Task brief: After locating the line that contains "#2=IFCAXIS2PLACEMENT3D(#1,$,$);" in the data below, set down exactly that line and each one after it through the line that contains "#10=IFCLOCALPLACEMENT(#9,#2);", and nothing more.

START Input records

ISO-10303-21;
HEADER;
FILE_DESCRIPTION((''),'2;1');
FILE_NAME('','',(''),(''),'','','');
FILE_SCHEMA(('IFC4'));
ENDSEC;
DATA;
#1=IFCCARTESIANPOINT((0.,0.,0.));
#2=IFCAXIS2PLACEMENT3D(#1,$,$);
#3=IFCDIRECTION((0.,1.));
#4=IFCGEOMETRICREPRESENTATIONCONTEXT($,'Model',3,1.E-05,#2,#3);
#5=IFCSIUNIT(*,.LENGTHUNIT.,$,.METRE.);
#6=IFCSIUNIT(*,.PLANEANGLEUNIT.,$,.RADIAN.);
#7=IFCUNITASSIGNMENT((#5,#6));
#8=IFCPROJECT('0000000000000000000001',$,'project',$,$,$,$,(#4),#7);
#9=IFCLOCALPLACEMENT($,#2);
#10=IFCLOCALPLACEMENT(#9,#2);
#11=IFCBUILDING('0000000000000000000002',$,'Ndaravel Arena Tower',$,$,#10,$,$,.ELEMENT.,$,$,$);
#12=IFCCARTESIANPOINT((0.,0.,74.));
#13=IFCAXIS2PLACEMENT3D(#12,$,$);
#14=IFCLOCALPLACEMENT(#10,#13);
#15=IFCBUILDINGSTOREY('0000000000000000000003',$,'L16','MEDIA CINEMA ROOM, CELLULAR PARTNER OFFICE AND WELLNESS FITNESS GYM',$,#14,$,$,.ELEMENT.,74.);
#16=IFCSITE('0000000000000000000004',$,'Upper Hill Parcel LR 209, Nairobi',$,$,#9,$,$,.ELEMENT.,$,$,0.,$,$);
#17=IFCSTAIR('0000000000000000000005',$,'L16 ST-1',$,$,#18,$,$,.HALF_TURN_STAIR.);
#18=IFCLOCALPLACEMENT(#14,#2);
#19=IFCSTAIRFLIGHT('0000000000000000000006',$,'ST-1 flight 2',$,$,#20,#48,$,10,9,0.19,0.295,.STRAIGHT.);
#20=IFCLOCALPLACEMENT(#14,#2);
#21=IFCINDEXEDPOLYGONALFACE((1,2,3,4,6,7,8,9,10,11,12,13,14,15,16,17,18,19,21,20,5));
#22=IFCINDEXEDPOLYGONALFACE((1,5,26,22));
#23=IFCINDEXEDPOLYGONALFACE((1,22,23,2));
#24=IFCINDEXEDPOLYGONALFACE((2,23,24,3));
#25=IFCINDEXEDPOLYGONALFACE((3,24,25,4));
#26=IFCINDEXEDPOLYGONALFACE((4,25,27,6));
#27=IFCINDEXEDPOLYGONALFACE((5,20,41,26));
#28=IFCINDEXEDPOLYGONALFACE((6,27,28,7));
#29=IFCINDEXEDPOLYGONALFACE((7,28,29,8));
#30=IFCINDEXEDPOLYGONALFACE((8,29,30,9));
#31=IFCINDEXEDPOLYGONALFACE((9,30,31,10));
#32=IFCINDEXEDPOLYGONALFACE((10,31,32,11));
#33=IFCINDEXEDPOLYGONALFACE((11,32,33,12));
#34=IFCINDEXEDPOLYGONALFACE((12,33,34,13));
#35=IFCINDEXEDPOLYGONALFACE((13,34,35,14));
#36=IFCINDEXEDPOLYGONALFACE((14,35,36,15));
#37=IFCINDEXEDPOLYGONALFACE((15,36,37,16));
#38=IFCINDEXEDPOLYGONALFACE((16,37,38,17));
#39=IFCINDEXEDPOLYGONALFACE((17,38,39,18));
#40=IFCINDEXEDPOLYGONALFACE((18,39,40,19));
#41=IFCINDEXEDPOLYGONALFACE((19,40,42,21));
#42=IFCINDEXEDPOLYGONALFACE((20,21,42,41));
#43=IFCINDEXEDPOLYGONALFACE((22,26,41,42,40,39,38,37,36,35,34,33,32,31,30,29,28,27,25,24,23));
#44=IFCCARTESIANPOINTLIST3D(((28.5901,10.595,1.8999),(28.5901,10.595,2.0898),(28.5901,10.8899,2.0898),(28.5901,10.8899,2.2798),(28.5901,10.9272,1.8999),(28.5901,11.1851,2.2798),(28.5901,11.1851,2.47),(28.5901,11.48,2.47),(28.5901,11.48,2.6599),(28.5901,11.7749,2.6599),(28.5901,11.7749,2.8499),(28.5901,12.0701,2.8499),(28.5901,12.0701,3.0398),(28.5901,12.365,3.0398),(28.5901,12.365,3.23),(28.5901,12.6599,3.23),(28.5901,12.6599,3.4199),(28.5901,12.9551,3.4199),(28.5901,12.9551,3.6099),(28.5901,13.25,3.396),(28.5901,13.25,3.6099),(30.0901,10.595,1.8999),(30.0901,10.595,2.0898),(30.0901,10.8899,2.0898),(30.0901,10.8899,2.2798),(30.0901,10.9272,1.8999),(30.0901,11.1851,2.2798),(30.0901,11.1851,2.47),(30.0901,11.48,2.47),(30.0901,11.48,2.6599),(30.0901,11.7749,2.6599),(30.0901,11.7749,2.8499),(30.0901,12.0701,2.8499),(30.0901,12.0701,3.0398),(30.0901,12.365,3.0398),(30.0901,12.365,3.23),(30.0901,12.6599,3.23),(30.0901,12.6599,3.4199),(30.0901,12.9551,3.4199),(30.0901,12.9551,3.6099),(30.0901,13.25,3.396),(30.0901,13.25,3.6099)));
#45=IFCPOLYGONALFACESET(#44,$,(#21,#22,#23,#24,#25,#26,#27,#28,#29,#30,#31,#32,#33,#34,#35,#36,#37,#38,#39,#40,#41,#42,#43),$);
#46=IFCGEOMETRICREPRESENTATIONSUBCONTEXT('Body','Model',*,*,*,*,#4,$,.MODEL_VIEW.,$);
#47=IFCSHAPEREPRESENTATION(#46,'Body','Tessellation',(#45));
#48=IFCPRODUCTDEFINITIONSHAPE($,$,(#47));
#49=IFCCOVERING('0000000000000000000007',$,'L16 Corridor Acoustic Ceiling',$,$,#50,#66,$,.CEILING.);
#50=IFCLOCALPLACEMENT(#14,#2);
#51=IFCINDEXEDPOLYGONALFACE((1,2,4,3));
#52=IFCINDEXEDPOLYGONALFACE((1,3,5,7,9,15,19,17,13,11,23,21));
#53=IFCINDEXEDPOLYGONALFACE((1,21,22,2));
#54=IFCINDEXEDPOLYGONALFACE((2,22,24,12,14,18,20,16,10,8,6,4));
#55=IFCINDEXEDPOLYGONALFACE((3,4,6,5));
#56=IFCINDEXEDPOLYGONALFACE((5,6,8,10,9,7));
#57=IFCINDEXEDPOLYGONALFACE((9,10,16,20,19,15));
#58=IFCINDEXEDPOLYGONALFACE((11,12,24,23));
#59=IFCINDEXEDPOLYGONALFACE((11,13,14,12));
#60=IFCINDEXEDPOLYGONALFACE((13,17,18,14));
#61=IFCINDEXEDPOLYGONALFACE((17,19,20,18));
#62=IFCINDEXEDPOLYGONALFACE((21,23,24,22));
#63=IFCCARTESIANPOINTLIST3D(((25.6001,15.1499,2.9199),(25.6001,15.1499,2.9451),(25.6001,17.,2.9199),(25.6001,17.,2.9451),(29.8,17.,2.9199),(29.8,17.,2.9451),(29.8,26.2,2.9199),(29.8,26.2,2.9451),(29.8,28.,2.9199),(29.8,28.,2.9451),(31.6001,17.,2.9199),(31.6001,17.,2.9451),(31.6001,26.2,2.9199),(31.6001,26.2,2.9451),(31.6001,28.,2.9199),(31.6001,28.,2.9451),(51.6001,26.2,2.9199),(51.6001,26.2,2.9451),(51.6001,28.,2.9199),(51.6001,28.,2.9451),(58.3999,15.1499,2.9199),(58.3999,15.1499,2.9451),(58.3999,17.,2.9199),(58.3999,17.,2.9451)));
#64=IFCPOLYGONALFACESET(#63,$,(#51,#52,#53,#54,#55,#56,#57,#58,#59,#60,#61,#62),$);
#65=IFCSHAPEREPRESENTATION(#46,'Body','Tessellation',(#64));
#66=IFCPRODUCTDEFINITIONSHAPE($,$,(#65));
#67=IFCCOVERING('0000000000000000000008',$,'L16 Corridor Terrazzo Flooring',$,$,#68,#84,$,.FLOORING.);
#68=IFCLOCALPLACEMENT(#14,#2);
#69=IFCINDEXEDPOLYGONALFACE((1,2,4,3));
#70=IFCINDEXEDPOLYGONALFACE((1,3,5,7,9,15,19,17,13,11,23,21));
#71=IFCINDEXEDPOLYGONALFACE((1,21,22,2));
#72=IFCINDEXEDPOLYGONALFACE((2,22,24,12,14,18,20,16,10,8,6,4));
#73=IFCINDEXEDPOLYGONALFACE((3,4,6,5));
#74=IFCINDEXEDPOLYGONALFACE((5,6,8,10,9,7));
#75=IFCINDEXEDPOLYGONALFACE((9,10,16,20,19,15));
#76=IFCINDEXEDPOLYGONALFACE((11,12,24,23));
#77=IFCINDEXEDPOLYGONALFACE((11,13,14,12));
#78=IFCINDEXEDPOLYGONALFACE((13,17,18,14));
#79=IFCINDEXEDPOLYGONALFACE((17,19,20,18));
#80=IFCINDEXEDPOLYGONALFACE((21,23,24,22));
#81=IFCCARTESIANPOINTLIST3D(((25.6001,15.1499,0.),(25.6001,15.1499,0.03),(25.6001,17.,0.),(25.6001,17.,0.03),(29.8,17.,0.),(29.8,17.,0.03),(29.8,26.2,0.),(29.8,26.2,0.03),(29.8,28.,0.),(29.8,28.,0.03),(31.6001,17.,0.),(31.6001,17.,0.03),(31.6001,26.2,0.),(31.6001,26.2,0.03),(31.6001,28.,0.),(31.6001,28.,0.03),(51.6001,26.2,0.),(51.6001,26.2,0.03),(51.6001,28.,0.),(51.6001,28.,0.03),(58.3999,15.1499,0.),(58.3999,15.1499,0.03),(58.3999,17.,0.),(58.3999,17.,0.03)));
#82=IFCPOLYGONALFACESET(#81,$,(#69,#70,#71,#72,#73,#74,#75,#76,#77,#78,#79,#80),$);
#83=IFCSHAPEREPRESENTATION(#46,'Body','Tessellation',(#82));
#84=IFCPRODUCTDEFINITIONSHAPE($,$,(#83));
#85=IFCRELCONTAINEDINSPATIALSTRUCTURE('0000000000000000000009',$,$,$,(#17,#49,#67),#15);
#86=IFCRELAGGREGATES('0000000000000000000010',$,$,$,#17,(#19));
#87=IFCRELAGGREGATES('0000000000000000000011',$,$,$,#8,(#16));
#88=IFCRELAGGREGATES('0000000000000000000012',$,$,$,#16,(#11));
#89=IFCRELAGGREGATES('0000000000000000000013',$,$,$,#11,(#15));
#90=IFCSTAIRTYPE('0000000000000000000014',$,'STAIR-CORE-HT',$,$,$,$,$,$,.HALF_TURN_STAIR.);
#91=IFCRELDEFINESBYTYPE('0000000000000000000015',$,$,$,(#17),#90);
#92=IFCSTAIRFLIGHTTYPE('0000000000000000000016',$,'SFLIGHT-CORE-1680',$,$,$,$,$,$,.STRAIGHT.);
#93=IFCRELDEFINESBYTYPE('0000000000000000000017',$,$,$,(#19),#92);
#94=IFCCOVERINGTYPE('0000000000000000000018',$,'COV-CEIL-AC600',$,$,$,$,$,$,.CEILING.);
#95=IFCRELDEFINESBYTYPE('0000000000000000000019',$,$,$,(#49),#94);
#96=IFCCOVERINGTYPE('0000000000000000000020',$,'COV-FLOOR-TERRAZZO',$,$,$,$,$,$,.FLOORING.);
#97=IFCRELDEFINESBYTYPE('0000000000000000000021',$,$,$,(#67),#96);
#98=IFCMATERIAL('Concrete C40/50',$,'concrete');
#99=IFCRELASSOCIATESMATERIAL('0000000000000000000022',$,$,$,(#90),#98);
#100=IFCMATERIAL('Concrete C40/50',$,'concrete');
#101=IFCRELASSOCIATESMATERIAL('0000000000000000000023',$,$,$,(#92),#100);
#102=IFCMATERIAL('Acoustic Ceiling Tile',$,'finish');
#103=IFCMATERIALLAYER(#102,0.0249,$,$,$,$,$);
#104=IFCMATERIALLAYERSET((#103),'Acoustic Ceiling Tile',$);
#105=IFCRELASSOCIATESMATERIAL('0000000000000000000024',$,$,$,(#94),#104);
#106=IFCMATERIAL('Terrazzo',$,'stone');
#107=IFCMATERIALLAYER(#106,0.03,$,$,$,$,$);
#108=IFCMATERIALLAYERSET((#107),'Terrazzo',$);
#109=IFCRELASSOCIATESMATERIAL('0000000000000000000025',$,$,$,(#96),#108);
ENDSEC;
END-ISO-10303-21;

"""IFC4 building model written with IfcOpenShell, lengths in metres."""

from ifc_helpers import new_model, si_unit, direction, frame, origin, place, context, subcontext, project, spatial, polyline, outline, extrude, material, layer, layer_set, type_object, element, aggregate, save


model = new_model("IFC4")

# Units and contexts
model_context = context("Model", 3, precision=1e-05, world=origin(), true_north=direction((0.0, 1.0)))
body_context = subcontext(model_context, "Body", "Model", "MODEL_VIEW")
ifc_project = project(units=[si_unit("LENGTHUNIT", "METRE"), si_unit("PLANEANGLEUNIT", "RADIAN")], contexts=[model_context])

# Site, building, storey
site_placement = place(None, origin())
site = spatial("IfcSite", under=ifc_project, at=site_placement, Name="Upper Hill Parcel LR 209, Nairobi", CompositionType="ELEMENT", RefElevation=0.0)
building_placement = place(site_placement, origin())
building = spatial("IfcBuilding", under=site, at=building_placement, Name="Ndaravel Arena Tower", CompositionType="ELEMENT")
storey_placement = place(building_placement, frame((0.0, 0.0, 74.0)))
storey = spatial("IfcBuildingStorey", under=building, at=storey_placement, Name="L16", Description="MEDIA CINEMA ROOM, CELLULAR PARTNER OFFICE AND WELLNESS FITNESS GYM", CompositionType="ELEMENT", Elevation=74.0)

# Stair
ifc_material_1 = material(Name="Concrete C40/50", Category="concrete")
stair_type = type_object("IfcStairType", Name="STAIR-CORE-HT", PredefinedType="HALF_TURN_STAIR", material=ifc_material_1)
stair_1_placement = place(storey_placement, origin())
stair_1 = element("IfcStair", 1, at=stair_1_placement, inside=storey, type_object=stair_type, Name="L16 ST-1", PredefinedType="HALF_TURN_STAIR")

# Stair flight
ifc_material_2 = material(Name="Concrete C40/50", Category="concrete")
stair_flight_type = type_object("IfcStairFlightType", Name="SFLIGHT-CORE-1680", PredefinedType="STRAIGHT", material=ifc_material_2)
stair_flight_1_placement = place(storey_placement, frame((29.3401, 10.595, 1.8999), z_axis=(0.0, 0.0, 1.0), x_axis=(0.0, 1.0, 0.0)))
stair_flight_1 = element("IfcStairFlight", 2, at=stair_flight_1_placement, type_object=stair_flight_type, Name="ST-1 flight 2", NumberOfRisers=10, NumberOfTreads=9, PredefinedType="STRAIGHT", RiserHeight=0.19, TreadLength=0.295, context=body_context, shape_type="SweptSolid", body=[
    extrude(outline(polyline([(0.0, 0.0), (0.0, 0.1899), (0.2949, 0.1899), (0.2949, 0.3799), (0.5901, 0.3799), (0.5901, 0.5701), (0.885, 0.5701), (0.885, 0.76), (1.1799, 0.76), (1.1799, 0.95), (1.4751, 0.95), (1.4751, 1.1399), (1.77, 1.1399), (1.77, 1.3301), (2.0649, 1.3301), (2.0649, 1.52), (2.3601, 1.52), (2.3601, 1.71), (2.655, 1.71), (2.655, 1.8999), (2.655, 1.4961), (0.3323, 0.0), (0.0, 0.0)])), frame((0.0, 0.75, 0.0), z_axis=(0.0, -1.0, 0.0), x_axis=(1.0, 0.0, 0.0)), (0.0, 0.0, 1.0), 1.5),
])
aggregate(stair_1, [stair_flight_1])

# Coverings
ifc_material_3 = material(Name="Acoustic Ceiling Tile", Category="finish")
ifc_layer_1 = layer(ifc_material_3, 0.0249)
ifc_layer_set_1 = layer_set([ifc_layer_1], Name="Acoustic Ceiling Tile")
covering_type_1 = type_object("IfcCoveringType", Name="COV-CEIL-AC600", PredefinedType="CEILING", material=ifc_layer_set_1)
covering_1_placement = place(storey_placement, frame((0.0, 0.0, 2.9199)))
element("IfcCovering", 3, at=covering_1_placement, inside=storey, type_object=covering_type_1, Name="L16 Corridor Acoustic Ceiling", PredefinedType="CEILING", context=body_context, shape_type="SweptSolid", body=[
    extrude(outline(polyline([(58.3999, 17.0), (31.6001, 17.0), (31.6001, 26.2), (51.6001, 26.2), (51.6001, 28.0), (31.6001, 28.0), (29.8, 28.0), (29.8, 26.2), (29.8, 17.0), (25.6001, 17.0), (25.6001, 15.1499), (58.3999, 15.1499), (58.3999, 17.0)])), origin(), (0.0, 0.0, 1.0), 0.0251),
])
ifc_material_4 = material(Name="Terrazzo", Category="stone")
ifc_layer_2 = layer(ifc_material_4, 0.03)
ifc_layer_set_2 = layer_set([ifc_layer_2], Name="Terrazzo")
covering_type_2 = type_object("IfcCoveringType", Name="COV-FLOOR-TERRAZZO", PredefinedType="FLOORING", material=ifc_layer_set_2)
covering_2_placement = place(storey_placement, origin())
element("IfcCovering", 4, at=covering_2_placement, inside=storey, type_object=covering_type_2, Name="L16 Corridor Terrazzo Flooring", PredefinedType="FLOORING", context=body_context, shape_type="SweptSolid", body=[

END Input records

Result of the task:
#2=IFCAXIS2PLACEMENT3D(#1,$,$);
#3=IFCDIRECTION((0.,1.));
#4=IFCGEOMETRICREPRESENTATIONCONTEXT($,'Model',3,1.E-05,#2,#3);
#5=IFCSIUNIT(*,.LENGTHUNIT.,$,.METRE.);
#6=IFCSIUNIT(*,.PLANEANGLEUNIT.,$,.RADIAN.);
#7=IFCUNITASSIGNMENT((#5,#6));
#8=IFCPROJECT('0000000000000000000001',$,'project',$,$,$,$,(#4),#7);
#9=IFCLOCALPLACEMENT($,#2);
#10=IFCLOCALPLACEMENT(#9,#2);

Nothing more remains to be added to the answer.